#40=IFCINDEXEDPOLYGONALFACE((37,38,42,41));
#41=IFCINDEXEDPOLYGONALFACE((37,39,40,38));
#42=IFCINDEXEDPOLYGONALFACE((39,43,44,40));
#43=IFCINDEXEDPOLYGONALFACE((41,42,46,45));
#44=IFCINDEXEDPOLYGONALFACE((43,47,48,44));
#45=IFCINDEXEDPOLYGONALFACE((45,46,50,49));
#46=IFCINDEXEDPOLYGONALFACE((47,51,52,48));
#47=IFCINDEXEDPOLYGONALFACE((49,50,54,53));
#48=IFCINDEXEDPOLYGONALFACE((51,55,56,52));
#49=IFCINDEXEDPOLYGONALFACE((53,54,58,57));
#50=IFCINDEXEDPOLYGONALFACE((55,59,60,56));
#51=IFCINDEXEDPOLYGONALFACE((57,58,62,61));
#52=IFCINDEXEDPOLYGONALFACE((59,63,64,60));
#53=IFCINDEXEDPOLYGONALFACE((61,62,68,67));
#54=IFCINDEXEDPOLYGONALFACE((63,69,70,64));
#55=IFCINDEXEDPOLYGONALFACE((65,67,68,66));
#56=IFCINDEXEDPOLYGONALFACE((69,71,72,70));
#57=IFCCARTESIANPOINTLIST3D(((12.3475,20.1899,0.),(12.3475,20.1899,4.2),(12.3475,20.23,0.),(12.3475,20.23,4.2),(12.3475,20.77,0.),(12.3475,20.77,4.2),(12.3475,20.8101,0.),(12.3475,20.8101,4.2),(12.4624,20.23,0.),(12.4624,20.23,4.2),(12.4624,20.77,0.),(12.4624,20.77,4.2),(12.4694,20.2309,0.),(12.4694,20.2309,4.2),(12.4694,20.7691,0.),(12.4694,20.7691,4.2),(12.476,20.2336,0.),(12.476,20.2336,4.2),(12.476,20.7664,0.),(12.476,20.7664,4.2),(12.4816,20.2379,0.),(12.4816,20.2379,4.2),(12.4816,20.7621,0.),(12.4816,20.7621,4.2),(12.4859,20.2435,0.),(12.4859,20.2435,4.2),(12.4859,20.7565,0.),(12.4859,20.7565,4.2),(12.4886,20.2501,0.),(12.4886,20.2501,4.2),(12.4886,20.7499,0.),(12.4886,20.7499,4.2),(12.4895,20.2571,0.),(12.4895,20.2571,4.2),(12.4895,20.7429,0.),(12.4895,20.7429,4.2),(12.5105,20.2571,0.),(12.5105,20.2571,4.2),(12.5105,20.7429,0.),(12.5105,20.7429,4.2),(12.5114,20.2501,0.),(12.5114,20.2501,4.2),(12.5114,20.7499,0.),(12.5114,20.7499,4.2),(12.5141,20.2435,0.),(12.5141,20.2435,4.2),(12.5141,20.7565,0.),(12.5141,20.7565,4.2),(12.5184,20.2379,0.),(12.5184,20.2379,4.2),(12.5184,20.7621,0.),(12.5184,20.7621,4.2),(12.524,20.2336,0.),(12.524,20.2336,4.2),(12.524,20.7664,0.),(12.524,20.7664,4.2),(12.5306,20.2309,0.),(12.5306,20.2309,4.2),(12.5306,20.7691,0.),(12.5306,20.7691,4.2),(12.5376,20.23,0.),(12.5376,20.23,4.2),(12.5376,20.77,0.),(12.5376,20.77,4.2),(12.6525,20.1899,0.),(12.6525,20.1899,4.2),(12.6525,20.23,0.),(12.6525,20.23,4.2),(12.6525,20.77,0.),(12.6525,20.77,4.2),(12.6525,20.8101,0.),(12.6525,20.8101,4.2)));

· · ·

As the answer, set down only the lines from the data above between the one holding "#42=IFCINDEXEDPOLYGONALFACE((39,43,44,40));" and the one holding "#56=IFCINDEXEDPOLYGONALFACE((69,71,72,70));", inclusive, exactly as they read.

#### ANSWER
#42=IFCINDEXEDPOLYGONALFACE((39,43,44,40));
#43=IFCINDEXEDPOLYGONALFACE((41,42,46,45));
#44=IFCINDEXEDPOLYGONALFACE((43,47,48,44));
#45=IFCINDEXEDPOLYGONALFACE((45,46,50,49));
#46=IFCINDEXEDPOLYGONALFACE((47,51,52,48));
#47=IFCINDEXEDPOLYGONALFACE((49,50,54,53));
#48=IFCINDEXEDPOLYGONALFACE((51,55,56,52));
#49=IFCINDEXEDPOLYGONALFACE((53,54,58,57));
#50=IFCINDEXEDPOLYGONALFACE((55,59,60,56));
#51=IFCINDEXEDPOLYGONALFACE((57,58,62,61));
#52=IFCINDEXEDPOLYGONALFACE((59,63,64,60));
#53=IFCINDEXEDPOLYGONALFACE((61,62,68,67));
#54=IFCINDEXEDPOLYGONALFACE((63,69,70,64));
#55=IFCINDEXEDPOLYGONALFACE((65,67,68,66));
#56=IFCINDEXEDPOLYGONALFACE((69,71,72,70));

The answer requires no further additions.